[RECORD SET Boundary: Start]

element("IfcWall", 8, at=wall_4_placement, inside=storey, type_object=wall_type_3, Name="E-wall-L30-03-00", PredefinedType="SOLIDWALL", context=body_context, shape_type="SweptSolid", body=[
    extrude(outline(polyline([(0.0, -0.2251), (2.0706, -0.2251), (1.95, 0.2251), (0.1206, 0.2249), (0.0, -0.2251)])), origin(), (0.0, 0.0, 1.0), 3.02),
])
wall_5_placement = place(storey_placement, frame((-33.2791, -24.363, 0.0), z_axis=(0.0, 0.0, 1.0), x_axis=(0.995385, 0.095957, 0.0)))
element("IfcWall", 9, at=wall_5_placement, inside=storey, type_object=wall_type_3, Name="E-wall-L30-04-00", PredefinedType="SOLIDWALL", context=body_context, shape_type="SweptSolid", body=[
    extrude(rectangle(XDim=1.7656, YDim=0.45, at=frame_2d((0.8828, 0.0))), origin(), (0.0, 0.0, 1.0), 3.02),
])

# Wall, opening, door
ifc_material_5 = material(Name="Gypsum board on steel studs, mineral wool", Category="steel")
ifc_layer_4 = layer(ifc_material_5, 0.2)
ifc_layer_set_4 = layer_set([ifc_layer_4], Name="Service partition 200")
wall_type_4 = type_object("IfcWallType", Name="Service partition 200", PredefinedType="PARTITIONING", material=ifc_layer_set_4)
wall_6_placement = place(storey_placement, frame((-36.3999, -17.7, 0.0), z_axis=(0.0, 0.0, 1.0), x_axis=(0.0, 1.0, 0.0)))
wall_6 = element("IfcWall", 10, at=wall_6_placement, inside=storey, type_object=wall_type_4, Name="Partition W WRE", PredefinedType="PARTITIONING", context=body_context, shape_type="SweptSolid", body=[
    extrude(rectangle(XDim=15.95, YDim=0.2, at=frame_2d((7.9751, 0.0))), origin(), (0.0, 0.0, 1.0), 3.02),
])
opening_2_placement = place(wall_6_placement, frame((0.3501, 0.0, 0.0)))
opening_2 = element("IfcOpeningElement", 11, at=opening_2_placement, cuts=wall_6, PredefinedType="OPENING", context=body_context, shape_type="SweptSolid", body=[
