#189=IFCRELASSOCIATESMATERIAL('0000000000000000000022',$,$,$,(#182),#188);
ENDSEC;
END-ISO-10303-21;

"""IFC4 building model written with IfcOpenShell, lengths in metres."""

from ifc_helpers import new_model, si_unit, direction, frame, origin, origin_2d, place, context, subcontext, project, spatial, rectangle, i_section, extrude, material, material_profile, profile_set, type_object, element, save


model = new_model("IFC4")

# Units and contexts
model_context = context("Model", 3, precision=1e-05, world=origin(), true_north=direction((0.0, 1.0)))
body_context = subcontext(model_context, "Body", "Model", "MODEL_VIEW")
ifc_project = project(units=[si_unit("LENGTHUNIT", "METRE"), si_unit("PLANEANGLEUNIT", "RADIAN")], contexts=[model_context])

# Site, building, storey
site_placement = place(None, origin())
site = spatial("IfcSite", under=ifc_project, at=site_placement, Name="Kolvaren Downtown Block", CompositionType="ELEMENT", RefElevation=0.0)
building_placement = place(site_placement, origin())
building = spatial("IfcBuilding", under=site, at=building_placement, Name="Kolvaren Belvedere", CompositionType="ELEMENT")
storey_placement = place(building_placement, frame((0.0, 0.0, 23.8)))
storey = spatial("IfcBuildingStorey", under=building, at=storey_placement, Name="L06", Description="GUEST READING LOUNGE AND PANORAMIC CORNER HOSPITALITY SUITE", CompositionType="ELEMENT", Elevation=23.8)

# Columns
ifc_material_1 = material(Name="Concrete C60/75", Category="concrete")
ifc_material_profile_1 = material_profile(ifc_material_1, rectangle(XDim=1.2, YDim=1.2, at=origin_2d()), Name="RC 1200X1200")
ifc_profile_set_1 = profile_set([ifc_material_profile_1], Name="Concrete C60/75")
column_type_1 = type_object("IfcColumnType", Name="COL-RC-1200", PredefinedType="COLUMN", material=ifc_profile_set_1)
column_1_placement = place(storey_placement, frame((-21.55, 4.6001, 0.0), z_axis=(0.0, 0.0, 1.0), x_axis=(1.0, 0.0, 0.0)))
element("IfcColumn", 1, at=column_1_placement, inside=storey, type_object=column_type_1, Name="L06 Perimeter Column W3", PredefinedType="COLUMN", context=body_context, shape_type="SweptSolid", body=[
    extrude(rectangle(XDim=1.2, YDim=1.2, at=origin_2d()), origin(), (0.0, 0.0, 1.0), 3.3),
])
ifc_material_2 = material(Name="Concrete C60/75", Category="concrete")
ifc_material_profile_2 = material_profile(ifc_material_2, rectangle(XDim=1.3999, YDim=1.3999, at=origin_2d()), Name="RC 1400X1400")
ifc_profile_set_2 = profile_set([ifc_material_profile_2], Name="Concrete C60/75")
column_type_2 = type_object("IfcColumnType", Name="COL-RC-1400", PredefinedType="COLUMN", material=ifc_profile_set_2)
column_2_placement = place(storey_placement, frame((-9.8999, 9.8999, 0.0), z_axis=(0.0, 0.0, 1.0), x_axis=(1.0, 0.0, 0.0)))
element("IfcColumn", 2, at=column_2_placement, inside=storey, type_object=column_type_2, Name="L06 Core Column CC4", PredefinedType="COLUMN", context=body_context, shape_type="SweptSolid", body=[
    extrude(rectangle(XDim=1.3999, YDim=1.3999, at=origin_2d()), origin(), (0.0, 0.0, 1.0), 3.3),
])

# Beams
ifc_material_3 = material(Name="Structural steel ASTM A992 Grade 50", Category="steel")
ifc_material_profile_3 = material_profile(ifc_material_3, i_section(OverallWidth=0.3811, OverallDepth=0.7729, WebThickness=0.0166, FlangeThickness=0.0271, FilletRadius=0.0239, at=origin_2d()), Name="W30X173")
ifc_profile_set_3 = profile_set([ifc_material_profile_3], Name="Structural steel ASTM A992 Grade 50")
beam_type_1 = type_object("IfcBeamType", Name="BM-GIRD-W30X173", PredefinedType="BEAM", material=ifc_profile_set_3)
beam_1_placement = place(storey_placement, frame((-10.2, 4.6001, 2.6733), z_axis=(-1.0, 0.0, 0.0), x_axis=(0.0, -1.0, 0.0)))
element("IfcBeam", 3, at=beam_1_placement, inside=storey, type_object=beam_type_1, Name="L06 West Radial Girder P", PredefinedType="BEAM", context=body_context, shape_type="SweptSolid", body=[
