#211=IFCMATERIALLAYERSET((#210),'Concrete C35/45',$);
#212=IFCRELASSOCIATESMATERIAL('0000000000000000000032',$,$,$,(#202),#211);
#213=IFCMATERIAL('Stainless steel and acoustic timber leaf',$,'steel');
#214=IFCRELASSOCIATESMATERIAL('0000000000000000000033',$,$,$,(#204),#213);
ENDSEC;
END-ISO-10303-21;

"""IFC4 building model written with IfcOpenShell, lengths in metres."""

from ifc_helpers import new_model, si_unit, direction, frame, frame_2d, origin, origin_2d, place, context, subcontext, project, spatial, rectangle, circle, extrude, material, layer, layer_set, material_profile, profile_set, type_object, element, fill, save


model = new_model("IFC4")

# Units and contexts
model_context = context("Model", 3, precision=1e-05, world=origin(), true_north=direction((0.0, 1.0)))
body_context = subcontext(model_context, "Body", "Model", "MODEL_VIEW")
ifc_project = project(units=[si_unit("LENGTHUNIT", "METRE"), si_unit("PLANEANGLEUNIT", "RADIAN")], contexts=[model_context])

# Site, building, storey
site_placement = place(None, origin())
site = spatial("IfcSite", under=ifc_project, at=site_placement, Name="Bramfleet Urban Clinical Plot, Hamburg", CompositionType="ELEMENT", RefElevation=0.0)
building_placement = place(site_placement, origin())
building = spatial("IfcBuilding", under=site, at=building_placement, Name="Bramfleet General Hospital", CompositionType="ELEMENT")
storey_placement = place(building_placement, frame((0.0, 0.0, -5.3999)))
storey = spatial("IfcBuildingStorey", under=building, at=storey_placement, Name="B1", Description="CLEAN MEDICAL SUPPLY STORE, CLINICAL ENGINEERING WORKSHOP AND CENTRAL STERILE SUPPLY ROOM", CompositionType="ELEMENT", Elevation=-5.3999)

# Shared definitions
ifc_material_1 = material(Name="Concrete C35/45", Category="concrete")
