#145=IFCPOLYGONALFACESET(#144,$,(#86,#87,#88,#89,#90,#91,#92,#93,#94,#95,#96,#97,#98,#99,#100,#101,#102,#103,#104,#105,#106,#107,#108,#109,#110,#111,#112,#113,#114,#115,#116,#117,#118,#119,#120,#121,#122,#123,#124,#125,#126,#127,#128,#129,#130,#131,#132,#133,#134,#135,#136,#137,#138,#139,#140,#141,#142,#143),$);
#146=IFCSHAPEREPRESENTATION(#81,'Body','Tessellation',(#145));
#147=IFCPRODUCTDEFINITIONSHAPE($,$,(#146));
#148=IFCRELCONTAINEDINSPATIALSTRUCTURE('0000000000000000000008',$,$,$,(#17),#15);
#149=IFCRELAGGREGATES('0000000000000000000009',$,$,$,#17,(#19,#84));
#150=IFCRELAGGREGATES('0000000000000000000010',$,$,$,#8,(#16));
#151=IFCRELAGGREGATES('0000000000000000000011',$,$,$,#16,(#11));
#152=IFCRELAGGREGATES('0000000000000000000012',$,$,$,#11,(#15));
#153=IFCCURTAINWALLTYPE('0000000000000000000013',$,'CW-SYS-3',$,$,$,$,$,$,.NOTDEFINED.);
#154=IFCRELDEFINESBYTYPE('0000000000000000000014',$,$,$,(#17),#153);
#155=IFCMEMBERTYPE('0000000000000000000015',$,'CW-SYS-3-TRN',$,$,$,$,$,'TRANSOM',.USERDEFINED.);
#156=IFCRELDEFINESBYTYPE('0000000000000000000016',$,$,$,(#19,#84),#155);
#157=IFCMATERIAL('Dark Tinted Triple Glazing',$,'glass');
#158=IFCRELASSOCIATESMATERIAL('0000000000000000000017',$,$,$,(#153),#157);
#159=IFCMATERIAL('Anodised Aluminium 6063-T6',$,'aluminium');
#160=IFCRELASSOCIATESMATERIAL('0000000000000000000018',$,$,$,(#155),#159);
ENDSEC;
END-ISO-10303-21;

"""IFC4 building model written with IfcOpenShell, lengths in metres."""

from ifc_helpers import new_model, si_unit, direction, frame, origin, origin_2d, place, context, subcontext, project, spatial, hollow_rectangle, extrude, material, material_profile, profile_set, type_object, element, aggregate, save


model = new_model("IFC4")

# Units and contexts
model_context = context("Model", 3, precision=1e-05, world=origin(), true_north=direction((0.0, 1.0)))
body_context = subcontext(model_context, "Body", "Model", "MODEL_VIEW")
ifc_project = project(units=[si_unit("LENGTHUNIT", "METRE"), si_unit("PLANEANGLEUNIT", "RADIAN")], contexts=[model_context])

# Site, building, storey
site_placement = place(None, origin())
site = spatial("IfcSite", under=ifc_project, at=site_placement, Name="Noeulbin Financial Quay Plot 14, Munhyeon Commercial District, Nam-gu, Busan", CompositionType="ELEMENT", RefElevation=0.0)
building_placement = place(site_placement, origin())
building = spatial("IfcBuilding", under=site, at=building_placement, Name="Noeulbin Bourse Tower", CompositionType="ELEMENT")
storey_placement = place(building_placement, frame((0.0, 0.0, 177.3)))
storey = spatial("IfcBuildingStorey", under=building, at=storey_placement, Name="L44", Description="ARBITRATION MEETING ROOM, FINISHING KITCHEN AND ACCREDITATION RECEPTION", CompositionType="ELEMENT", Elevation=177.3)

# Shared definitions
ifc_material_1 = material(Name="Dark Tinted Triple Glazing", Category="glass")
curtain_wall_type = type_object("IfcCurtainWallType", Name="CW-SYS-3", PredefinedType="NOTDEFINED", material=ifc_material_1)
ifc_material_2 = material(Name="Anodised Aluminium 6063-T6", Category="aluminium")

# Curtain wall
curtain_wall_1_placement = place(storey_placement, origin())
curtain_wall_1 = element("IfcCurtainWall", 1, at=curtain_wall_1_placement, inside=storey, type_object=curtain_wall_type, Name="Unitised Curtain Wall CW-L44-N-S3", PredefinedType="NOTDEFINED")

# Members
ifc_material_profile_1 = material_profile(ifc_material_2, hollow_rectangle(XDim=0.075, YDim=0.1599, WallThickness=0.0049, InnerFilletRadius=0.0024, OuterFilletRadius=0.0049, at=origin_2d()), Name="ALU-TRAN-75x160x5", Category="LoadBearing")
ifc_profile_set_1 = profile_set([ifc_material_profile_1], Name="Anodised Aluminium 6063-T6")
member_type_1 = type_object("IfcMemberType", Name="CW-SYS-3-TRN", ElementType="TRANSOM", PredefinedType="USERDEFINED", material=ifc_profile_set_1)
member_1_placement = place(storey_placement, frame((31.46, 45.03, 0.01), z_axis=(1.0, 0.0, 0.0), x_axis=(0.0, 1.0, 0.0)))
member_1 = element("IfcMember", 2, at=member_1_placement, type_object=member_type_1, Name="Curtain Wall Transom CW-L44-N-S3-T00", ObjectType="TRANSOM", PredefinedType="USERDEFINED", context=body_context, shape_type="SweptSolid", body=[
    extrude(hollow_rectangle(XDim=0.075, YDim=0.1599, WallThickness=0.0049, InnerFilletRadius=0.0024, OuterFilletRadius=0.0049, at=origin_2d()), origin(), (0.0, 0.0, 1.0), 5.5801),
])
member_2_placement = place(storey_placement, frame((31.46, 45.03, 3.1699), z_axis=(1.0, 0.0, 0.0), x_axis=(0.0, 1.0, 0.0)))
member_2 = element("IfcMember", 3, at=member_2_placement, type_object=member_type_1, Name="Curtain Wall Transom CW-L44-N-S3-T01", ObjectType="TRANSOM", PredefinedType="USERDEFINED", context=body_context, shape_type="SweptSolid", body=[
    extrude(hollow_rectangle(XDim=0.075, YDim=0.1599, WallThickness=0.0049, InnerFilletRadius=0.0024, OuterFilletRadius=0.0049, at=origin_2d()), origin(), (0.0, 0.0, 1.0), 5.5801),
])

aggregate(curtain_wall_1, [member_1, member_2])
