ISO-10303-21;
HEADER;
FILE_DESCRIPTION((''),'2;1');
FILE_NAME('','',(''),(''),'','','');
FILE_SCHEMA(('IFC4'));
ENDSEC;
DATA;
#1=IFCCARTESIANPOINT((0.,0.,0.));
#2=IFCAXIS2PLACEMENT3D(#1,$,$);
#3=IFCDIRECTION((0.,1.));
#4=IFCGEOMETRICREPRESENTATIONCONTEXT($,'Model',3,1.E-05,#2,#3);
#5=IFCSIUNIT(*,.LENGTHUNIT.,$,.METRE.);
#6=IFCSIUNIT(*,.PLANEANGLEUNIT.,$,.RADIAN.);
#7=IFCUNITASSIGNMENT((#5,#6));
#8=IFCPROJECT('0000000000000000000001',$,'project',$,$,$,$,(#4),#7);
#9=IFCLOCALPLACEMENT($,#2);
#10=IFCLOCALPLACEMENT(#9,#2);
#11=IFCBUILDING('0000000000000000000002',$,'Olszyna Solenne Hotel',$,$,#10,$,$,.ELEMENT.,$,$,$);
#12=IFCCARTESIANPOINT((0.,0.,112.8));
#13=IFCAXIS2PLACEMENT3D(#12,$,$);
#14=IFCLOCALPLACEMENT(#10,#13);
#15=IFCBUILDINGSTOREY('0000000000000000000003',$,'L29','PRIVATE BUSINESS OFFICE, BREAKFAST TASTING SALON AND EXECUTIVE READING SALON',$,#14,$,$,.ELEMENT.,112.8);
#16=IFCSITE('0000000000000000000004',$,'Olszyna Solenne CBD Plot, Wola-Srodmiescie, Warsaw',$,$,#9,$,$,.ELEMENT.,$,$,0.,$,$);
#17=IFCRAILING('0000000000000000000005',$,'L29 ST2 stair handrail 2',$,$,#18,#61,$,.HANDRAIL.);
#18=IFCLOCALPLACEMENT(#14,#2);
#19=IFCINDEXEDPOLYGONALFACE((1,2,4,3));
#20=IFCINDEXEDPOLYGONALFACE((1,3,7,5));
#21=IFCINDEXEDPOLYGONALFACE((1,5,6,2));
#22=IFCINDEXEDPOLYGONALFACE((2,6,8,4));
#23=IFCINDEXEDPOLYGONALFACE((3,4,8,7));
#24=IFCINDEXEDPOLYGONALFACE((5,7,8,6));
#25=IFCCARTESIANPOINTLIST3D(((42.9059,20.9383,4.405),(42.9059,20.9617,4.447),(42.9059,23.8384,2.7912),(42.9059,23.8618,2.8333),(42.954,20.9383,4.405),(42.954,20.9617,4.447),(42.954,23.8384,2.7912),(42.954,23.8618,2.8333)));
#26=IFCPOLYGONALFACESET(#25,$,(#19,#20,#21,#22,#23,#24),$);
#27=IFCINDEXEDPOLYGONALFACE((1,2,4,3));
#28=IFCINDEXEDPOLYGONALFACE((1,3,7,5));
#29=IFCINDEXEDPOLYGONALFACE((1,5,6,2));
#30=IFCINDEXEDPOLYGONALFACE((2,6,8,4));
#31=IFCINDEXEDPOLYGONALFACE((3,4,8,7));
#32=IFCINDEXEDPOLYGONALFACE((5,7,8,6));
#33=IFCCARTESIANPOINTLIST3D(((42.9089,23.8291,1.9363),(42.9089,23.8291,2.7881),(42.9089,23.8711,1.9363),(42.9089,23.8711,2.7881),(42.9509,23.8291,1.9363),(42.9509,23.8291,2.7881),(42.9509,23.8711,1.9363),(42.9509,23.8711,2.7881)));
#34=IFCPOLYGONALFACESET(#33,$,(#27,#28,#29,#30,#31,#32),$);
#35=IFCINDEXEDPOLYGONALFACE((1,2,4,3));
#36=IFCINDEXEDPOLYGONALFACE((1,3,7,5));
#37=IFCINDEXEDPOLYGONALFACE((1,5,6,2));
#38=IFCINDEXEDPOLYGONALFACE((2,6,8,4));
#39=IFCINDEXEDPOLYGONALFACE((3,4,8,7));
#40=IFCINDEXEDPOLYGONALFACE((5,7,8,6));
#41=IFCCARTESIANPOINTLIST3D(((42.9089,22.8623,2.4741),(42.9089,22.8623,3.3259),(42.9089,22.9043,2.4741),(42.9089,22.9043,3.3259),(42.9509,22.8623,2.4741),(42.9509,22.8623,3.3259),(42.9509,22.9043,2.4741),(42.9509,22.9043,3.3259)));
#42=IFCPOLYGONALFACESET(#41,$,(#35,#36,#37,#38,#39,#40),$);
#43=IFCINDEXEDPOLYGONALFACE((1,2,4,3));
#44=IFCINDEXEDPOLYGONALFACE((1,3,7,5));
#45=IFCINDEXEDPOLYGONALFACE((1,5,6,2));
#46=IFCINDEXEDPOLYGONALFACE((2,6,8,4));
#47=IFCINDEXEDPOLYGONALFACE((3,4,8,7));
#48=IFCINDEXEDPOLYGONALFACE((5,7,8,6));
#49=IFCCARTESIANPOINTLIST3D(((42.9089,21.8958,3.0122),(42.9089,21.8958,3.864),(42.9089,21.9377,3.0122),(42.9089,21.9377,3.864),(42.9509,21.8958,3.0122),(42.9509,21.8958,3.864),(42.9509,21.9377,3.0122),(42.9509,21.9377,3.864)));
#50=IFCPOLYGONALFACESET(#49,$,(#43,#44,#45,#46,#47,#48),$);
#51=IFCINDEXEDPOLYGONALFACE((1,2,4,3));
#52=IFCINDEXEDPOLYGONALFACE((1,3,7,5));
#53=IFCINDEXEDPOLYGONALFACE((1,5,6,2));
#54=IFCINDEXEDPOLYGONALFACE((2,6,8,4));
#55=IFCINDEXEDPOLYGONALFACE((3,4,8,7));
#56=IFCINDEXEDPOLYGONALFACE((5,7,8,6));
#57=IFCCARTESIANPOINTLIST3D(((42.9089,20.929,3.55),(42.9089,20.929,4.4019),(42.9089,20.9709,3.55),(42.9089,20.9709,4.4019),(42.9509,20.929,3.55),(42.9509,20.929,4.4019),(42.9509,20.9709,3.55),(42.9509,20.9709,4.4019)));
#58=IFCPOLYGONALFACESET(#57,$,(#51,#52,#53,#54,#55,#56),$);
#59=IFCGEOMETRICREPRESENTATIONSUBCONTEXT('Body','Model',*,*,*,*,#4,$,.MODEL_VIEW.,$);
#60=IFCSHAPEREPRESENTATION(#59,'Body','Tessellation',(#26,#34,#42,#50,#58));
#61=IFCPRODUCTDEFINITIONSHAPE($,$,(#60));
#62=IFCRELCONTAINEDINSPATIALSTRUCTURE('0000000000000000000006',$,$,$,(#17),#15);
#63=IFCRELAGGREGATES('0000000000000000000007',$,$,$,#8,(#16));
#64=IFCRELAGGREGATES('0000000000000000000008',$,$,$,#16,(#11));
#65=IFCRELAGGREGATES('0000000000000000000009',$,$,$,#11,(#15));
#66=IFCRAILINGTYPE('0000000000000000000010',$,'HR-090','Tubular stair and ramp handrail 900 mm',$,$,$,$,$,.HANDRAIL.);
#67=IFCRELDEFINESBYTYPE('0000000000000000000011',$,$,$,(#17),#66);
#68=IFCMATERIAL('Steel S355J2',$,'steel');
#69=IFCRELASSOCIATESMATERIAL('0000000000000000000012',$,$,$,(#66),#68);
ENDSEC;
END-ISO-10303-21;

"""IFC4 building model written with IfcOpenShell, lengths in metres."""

from ifc_helpers import new_model, si_unit, direction, frame, origin, origin_2d, place, context, subcontext, project, spatial, rectangle, extrude, material, type_object, element, save


model = new_model("IFC4")

# Units and contexts
model_context = context("Model", 3, precision=1e-05, world=origin(), true_north=direction((0.0, 1.0)))
body_context = subcontext(model_context, "Body", "Model", "MODEL_VIEW")
ifc_project = project(units=[si_unit("LENGTHUNIT", "METRE"), si_unit("PLANEANGLEUNIT", "RADIAN")], contexts=[model_context])

# Site, building, storey
site_placement = place(None, origin())
site = spatial("IfcSite", under=ifc_project, at=site_placement, Name="Olszyna Solenne CBD Plot, Wola-Srodmiescie, Warsaw", CompositionType="ELEMENT", RefElevation=0.0)
building_placement = place(site_placement, origin())
building = spatial("IfcBuilding", under=site, at=building_placement, Name="Olszyna Solenne Hotel", CompositionType="ELEMENT")
storey_placement = place(building_placement, frame((0.0, 0.0, 112.8)))
storey = spatial("IfcBuildingStorey", under=building, at=storey_placement, Name="L29", Description="PRIVATE BUSINESS OFFICE, BREAKFAST TASTING SALON AND EXECUTIVE READING SALON", CompositionType="ELEMENT", Elevation=112.8)

# Shared definitions
ifc_material_1 = material(Name="Steel S355J2", Category="steel")

# Railing
railing_type_1 = type_object("IfcRailingType", Name="HR-090", Description="Tubular stair and ramp handrail 900 mm", PredefinedType="HANDRAIL", material=ifc_material_1)
railing_1_placement = place(storey_placement, frame((42.9299, 23.8501, 1.9363)))
element("IfcRailing", 1, at=railing_1_placement, inside=storey, type_object=railing_type_1, Name="L29 ST2 stair handrail 2", PredefinedType="HANDRAIL", context=body_context, shape_type="SweptSolid", body=[
    extrude(rectangle(XDim=0.0481, YDim=0.0481, at=origin_2d()), frame((0.0, 0.0, 0.876), z_axis=(0.0, -0.873827, 0.486236), x_axis=(1.0, 0.0, 0.0)), (0.0, 0.0, 1.0), 3.3188),
    extrude(rectangle(XDim=0.042, YDim=0.042, at=origin_2d()), origin(), (0.0, 0.0, 1.0), 0.8518),
    extrude(rectangle(XDim=0.042, YDim=0.042, at=origin_2d()), frame((0.0, -0.9668, 0.5378)), (0.0, 0.0, 1.0), 0.8518),
    extrude(rectangle(XDim=0.042, YDim=0.042, at=origin_2d()), frame((0.0, -1.9333, 1.0759)), (0.0, 0.0, 1.0), 0.8518),
    extrude(rectangle(XDim=0.042, YDim=0.042, at=origin_2d()), frame((0.0, -2.9001, 1.6138)), (0.0, 0.0, 1.0), 0.8518),
])

save(model, "model.ifc")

[RECORD SET Boundary: End]

_EXERCISE DIRECTIONS_:
In the records above, the line with "#42=IFCPOLYGONALFACESET(#41,$,(#35,#36,#37,#38,#39,#40),$);" marks the start and the line with "#61=IFCPRODUCTDEFINITIONSHAPE($,$,(#60));" marks the end; copy that stretch exactly, both lines included, and nothing else.

_WRITTEN RESPONSE_:
#42=IFCPOLYGONALFACESET(#41,$,(#35,#36,#37,#38,#39,#40),$);
#43=IFCINDEXEDPOLYGONALFACE((1,2,4,3));
#44=IFCINDEXEDPOLYGONALFACE((1,3,7,5));
#45=IFCINDEXEDPOLYGONALFACE((1,5,6,2));
#46=IFCINDEXEDPOLYGONALFACE((2,6,8,4));
#47=IFCINDEXEDPOLYGONALFACE((3,4,8,7));
#48=IFCINDEXEDPOLYGONALFACE((5,7,8,6));
#49=IFCCARTESIANPOINTLIST3D(((42.9089,21.8958,3.0122),(42.9089,21.8958,3.864),(42.9089,21.9377,3.0122),(42.9089,21.9377,3.864),(42.9509,21.8958,3.0122),(42.9509,21.8958,3.864),(42.9509,21.9377,3.0122),(42.9509,21.9377,3.864)));
#50=IFCPOLYGONALFACESET(#49,$,(#43,#44,#45,#46,#47,#48),$);
#51=IFCINDEXEDPOLYGONALFACE((1,2,4,3));
#52=IFCINDEXEDPOLYGONALFACE((1,3,7,5));
#53=IFCINDEXEDPOLYGONALFACE((1,5,6,2));
#54=IFCINDEXEDPOLYGONALFACE((2,6,8,4));
#55=IFCINDEXEDPOLYGONALFACE((3,4,8,7));
#56=IFCINDEXEDPOLYGONALFACE((5,7,8,6));
#57=IFCCARTESIANPOINTLIST3D(((42.9089,20.929,3.55),(42.9089,20.929,4.4019),(42.9089,20.9709,3.55),(42.9089,20.9709,4.4019),(42.9509,20.929,3.55),(42.9509,20.929,4.4019),(42.9509,20.9709,3.55),(42.9509,20.9709,4.4019)));
#58=IFCPOLYGONALFACESET(#57,$,(#51,#52,#53,#54,#55,#56),$);
#59=IFCGEOMETRICREPRESENTATIONSUBCONTEXT('Body','Model',*,*,*,*,#4,$,.MODEL_VIEW.,$);
#60=IFCSHAPEREPRESENTATION(#59,'Body','Tessellation',(#26,#34,#42,#50,#58));
#61=IFCPRODUCTDEFINITIONSHAPE($,$,(#60));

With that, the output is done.